Filter the entries below down to the lines that hold "Body".

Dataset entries
----

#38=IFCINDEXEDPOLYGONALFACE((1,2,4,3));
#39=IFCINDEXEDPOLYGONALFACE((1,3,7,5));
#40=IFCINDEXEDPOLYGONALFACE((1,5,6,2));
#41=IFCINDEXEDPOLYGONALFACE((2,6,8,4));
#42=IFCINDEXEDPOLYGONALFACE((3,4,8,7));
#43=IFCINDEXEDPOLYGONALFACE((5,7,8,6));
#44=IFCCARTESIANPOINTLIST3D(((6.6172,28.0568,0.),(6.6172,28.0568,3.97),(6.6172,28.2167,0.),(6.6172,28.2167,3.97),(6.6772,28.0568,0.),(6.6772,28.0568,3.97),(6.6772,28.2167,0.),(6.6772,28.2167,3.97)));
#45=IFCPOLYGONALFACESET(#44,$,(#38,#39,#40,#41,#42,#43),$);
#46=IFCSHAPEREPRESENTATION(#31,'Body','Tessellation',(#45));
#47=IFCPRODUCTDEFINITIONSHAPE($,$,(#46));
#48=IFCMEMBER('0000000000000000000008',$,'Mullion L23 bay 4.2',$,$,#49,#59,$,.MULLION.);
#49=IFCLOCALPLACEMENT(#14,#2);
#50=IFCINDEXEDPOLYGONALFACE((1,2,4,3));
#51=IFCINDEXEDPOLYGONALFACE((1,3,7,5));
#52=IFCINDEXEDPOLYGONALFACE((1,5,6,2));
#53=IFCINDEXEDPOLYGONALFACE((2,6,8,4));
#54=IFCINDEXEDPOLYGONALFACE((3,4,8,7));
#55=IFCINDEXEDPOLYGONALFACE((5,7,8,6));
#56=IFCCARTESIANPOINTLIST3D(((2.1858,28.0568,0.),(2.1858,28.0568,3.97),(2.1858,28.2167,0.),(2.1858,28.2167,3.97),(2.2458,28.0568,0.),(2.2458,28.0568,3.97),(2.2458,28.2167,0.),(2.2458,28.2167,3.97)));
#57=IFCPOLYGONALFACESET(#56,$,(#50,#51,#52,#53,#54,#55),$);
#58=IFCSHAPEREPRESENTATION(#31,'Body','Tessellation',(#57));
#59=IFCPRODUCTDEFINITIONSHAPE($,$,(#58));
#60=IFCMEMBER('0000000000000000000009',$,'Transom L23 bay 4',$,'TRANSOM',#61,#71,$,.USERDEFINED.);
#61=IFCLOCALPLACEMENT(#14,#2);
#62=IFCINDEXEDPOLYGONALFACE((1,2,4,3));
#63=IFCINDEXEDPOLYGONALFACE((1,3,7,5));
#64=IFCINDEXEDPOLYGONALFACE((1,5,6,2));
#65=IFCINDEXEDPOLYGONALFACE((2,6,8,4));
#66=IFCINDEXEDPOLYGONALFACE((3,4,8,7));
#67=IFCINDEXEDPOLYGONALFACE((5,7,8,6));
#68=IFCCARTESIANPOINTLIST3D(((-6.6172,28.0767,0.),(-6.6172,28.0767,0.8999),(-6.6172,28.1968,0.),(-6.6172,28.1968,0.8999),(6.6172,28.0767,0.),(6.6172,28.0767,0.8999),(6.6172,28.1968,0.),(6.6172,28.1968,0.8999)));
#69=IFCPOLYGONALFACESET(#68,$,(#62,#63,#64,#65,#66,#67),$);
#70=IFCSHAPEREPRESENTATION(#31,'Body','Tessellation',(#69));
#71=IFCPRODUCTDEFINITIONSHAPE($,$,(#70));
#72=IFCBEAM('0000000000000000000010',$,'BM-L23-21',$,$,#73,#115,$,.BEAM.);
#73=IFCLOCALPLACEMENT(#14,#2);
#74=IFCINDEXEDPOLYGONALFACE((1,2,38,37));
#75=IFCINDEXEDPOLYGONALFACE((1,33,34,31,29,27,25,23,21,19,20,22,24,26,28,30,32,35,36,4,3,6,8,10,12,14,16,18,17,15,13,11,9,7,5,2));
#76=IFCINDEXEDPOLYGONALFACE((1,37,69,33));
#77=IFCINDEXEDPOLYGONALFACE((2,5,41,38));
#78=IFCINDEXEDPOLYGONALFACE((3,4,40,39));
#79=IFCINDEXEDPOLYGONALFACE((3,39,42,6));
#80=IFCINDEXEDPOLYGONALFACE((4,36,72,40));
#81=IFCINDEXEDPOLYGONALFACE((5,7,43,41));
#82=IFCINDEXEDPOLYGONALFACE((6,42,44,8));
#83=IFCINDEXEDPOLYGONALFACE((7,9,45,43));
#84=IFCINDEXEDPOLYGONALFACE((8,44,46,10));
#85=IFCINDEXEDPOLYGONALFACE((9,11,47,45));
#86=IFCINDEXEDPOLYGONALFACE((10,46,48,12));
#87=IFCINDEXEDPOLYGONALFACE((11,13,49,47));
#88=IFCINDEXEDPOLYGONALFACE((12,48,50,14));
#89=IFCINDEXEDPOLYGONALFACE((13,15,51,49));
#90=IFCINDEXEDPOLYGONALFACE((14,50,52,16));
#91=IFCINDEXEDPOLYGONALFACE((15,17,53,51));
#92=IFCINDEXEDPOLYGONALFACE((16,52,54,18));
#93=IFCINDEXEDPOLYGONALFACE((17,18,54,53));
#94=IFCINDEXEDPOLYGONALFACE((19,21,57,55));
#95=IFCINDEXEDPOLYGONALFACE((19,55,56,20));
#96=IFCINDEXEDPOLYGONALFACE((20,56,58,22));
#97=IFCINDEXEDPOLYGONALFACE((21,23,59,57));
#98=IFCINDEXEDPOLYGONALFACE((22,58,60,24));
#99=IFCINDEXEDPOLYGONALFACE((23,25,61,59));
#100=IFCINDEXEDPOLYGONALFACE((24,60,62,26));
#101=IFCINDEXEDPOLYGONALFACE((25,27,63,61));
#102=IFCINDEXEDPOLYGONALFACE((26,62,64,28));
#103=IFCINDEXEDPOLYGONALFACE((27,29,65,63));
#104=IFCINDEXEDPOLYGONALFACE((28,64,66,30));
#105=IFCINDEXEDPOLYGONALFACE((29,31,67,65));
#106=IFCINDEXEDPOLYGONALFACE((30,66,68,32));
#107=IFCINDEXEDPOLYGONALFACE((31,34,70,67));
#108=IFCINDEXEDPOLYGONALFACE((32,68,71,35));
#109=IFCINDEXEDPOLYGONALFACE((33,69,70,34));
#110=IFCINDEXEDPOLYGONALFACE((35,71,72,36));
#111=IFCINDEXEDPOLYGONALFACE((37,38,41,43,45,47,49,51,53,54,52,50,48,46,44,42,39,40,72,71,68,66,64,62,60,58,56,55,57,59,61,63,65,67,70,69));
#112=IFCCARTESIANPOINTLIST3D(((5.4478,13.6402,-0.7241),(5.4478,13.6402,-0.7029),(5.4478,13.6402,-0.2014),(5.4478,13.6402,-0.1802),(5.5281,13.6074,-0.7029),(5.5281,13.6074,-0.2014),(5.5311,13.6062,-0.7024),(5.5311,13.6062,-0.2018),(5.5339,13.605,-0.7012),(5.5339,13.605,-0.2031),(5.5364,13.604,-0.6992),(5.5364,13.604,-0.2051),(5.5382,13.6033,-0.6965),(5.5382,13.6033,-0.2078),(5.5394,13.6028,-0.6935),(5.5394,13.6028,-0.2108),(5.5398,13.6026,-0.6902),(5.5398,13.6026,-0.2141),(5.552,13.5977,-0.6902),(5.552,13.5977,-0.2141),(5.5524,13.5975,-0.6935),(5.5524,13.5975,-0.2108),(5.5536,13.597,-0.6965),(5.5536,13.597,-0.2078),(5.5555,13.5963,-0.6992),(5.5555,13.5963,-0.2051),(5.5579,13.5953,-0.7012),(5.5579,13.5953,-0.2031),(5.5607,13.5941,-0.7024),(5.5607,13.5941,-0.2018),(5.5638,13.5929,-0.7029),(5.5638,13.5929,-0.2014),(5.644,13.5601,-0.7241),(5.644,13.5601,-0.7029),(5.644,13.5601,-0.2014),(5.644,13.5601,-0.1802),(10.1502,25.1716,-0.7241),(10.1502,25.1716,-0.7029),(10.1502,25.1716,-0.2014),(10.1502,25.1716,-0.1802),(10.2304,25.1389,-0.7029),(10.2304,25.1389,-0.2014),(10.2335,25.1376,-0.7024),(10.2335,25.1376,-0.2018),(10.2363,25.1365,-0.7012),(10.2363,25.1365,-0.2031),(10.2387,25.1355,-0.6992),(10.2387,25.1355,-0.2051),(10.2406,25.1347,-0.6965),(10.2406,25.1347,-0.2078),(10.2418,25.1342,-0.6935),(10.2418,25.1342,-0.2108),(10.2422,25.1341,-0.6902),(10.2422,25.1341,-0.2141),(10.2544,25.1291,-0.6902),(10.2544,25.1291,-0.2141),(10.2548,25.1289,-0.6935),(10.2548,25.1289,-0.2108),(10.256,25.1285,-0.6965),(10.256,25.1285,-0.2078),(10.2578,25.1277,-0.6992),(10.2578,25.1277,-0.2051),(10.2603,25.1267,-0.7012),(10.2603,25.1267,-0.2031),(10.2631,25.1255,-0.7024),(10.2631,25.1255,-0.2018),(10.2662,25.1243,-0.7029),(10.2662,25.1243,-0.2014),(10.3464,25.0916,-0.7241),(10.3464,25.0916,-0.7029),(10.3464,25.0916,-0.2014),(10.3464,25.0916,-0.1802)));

----

* **Task output**:
#46=IFCSHAPEREPRESENTATION(#31,'Body','Tessellation',(#45));
#58=IFCSHAPEREPRESENTATION(#31,'Body','Tessellation',(#57));
#70=IFCSHAPEREPRESENTATION(#31,'Body','Tessellation',(#69));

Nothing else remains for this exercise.